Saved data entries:
******************************

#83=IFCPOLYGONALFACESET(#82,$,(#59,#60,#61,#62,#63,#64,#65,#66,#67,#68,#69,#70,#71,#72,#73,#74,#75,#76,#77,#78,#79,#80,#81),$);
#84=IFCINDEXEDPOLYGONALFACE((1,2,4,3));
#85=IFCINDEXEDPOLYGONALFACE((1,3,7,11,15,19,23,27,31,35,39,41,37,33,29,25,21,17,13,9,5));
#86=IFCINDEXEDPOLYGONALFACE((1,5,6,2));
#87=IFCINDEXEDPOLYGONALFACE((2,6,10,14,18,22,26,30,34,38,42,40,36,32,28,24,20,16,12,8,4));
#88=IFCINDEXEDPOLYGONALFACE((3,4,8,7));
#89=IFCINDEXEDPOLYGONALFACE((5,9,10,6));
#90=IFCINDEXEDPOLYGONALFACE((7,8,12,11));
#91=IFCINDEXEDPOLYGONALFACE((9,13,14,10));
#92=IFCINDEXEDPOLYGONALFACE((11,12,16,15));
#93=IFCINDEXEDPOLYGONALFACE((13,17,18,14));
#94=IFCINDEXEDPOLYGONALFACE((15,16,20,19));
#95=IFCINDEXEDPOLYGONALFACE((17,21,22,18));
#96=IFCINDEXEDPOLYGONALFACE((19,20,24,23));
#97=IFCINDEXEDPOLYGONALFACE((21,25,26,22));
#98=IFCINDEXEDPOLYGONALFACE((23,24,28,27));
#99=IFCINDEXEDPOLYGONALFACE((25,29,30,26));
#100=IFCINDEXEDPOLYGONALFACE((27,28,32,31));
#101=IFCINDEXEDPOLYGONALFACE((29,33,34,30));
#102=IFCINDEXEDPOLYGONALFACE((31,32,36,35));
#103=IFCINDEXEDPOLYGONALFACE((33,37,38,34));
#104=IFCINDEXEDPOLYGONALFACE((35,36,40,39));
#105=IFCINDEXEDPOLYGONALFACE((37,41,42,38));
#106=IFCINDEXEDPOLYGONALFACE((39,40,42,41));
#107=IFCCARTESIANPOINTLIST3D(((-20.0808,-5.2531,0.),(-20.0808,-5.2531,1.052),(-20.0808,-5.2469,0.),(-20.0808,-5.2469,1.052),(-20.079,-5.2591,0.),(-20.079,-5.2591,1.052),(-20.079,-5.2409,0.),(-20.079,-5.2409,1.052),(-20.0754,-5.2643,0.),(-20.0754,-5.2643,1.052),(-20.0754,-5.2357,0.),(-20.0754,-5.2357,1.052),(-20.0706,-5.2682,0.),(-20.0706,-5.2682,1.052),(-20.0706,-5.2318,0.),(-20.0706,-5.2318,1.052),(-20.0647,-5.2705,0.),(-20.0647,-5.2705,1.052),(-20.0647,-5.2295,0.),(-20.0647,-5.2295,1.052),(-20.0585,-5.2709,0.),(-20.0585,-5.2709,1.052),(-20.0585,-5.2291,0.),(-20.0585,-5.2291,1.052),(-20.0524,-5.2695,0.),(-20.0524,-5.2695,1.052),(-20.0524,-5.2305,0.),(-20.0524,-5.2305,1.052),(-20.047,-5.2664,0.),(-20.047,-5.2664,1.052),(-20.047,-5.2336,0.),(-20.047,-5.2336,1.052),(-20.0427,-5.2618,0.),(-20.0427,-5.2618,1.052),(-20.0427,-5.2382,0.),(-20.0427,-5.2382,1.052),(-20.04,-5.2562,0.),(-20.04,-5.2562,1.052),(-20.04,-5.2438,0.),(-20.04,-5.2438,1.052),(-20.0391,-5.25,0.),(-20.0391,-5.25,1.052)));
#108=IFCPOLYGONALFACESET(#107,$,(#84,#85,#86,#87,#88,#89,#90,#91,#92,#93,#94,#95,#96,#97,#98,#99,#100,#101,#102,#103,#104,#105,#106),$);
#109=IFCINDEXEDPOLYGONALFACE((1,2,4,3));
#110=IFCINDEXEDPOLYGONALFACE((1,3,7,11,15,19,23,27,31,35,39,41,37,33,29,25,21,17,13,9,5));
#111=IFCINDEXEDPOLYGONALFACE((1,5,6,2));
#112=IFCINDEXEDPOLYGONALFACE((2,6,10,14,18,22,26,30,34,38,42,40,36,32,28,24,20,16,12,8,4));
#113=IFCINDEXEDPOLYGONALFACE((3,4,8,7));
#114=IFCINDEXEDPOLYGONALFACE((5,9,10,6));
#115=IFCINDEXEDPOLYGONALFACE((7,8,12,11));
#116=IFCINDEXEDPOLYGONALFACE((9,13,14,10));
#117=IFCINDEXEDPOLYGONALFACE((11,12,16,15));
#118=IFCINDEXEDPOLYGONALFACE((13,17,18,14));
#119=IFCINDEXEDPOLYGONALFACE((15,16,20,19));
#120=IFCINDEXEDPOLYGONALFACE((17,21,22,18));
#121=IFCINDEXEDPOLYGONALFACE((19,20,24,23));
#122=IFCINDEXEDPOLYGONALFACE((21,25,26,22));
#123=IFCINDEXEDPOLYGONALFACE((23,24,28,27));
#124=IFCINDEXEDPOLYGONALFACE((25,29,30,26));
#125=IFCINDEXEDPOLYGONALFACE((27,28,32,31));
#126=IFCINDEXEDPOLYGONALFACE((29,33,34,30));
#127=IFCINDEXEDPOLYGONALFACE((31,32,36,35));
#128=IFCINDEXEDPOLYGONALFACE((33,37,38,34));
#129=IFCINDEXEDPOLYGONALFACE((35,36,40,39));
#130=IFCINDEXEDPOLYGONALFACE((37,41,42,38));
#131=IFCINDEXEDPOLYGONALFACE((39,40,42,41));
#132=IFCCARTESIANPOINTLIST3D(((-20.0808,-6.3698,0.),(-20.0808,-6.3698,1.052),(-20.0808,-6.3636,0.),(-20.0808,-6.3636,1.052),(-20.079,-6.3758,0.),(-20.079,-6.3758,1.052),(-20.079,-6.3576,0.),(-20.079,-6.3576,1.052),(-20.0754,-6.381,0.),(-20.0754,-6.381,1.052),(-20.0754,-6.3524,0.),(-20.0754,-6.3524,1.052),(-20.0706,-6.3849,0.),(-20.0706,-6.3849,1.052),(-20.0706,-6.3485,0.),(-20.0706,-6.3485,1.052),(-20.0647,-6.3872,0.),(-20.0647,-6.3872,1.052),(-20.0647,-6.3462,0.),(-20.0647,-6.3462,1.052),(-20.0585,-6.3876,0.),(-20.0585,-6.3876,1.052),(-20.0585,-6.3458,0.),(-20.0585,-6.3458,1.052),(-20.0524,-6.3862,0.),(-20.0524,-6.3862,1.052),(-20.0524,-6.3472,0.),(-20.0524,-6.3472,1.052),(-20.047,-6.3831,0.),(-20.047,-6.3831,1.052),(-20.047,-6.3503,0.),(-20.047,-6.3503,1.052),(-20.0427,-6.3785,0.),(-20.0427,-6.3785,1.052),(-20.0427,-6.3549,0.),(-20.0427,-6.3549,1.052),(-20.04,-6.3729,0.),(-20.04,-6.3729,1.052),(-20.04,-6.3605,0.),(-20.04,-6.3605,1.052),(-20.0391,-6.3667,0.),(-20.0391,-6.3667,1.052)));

******************************

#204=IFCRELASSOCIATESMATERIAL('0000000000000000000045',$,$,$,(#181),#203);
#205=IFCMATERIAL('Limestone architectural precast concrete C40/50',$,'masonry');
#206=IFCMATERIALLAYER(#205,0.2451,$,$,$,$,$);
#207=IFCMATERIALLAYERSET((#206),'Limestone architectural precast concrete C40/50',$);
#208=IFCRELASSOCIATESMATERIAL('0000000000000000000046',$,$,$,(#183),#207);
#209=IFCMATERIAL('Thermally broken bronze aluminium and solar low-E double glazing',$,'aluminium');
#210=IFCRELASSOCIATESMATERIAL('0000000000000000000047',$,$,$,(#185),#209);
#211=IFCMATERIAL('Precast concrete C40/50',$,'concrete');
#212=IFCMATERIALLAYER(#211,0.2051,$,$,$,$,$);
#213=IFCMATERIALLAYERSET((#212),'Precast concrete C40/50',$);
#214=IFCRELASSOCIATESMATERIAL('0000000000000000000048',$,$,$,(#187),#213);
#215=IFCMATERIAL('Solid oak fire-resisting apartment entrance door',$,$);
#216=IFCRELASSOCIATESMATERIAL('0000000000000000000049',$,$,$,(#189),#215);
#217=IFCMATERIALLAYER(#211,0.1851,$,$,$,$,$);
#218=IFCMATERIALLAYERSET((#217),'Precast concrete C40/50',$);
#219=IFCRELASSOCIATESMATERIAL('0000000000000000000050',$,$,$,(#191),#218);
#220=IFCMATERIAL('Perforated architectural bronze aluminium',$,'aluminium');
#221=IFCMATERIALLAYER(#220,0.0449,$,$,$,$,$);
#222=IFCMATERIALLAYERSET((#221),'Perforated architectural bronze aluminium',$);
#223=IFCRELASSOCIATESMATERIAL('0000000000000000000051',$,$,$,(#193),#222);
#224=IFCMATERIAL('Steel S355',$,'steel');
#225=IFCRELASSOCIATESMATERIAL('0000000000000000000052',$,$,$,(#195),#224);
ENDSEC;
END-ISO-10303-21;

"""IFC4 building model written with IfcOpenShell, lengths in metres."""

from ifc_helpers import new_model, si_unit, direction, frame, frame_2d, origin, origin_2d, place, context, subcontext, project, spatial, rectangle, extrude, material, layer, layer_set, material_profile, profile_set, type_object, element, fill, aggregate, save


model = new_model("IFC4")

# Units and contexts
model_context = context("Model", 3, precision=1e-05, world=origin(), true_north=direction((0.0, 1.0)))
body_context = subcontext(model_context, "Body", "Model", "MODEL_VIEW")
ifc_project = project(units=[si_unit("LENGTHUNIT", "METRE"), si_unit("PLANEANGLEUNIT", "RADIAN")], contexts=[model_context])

******************************

§ Task
Beginning at the line above that contains "#88=IFCINDEXEDPOLYGONALFACE((3,4,8,7));", return each line exactly through the line that contains "#98=IFCINDEXEDPOLYGONALFACE((23,24,28,27));", and no others.

§ Solution to the problem
#88=IFCINDEXEDPOLYGONALFACE((3,4,8,7));
#89=IFCINDEXEDPOLYGONALFACE((5,9,10,6));
#90=IFCINDEXEDPOLYGONALFACE((7,8,12,11));
#91=IFCINDEXEDPOLYGONALFACE((9,13,14,10));
#92=IFCINDEXEDPOLYGONALFACE((11,12,16,15));
#93=IFCINDEXEDPOLYGONALFACE((13,17,18,14));
#94=IFCINDEXEDPOLYGONALFACE((15,16,20,19));
#95=IFCINDEXEDPOLYGONALFACE((17,21,22,18));
#96=IFCINDEXEDPOLYGONALFACE((19,20,24,23));
#97=IFCINDEXEDPOLYGONALFACE((21,25,26,22));
#98=IFCINDEXEDPOLYGONALFACE((23,24,28,27));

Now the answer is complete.